• _What to do_
Can you restate the lines of the entries below, word for word, from the first one through the line that includes "#70=IFCINDEXEDPOLYGONALFACE((4,36,72,40));"?
───── Raw data
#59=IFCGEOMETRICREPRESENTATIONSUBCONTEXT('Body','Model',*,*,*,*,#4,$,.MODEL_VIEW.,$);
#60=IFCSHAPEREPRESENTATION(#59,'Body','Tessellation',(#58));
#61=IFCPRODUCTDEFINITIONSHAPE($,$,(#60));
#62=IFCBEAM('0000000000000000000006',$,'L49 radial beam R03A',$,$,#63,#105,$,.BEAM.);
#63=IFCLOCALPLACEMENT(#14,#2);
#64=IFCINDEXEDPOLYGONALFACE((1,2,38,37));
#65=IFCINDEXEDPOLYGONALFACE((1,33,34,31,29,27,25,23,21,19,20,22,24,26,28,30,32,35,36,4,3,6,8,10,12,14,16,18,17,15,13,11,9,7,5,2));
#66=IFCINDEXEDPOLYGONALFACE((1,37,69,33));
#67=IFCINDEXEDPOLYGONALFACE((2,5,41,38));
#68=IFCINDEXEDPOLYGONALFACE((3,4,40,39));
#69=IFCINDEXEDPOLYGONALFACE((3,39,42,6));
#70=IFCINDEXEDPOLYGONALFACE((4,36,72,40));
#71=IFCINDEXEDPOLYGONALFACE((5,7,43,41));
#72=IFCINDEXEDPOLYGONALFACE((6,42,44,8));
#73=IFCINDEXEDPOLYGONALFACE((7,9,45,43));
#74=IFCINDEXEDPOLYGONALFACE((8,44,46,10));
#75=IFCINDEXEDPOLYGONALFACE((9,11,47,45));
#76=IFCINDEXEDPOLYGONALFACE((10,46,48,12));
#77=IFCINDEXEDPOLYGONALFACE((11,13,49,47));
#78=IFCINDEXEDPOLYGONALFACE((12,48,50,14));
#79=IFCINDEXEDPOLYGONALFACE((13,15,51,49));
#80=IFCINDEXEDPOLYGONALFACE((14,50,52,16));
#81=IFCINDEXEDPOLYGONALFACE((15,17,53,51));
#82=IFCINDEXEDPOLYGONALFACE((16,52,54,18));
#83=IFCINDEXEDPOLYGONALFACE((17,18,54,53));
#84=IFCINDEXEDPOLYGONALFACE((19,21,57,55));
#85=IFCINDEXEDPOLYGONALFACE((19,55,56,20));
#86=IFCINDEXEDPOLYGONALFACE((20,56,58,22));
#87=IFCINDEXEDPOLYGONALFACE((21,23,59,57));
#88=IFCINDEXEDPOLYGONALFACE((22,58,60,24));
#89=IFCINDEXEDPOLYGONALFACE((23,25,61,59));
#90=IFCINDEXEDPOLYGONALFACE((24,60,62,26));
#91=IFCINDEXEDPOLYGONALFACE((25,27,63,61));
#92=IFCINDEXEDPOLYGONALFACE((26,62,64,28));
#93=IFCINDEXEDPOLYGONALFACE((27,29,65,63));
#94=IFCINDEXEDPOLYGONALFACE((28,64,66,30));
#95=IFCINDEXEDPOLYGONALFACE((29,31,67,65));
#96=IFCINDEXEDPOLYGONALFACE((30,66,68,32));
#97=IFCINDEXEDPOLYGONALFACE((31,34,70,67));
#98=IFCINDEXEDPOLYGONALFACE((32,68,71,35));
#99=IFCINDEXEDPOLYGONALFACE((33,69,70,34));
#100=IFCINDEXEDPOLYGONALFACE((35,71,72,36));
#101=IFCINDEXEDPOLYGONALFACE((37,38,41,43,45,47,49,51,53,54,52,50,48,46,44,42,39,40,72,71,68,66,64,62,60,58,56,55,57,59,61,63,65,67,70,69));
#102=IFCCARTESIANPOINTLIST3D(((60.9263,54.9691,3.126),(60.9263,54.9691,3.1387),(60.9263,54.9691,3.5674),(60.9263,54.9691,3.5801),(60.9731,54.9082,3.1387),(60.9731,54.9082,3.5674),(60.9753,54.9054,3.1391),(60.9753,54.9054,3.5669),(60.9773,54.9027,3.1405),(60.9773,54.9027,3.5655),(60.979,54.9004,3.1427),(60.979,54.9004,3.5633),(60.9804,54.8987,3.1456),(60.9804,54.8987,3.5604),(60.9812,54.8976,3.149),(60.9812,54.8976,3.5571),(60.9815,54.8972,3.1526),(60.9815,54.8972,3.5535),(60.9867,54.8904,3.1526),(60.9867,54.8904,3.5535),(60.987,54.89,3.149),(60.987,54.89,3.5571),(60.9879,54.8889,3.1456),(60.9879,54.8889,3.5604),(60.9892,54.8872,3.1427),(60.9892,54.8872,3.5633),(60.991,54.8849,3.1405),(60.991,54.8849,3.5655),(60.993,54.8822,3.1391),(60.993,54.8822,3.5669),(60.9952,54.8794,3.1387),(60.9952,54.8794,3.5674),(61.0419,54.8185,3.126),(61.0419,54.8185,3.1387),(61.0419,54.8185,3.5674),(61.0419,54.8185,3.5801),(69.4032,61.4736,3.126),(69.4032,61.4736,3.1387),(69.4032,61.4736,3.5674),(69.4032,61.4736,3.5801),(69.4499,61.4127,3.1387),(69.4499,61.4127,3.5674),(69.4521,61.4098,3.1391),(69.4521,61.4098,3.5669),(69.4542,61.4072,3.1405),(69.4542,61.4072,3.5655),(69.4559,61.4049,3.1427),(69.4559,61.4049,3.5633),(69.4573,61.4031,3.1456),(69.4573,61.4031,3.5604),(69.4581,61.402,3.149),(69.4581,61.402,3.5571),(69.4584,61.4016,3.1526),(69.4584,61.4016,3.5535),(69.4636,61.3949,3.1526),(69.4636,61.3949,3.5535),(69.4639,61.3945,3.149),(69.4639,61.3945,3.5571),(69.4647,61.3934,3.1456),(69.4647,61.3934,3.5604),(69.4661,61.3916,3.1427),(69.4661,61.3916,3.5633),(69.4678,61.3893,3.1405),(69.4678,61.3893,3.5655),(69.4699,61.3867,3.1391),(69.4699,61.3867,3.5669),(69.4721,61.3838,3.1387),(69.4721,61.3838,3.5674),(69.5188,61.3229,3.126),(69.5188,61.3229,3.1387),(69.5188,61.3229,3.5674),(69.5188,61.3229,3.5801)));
──────────
• _Answer box_
#59=IFCGEOMETRICREPRESENTATIONSUBCONTEXT('Body','Model',*,*,*,*,#4,$,.MODEL_VIEW.,$);
#60=IFCSHAPEREPRESENTATION(#59,'Body','Tessellation',(#58));
#61=IFCPRODUCTDEFINITIONSHAPE($,$,(#60));
#62=IFCBEAM('0000000000000000000006',$,'L49 radial beam R03A',$,$,#63,#105,$,.BEAM.);
#63=IFCLOCALPLACEMENT(#14,#2);
#64=IFCINDEXEDPOLYGONALFACE((1,2,38,37));
#65=IFCINDEXEDPOLYGONALFACE((1,33,34,31,29,27,25,23,21,19,20,22,24,26,28,30,32,35,36,4,3,6,8,10,12,14,16,18,17,15,13,11,9,7,5,2));
#66=IFCINDEXEDPOLYGONALFACE((1,37,69,33));
#67=IFCINDEXEDPOLYGONALFACE((2,5,41,38));
#68=IFCINDEXEDPOLYGONALFACE((3,4,40,39));
#69=IFCINDEXEDPOLYGONALFACE((3,39,42,6));
#70=IFCINDEXEDPOLYGONALFACE((4,36,72,40));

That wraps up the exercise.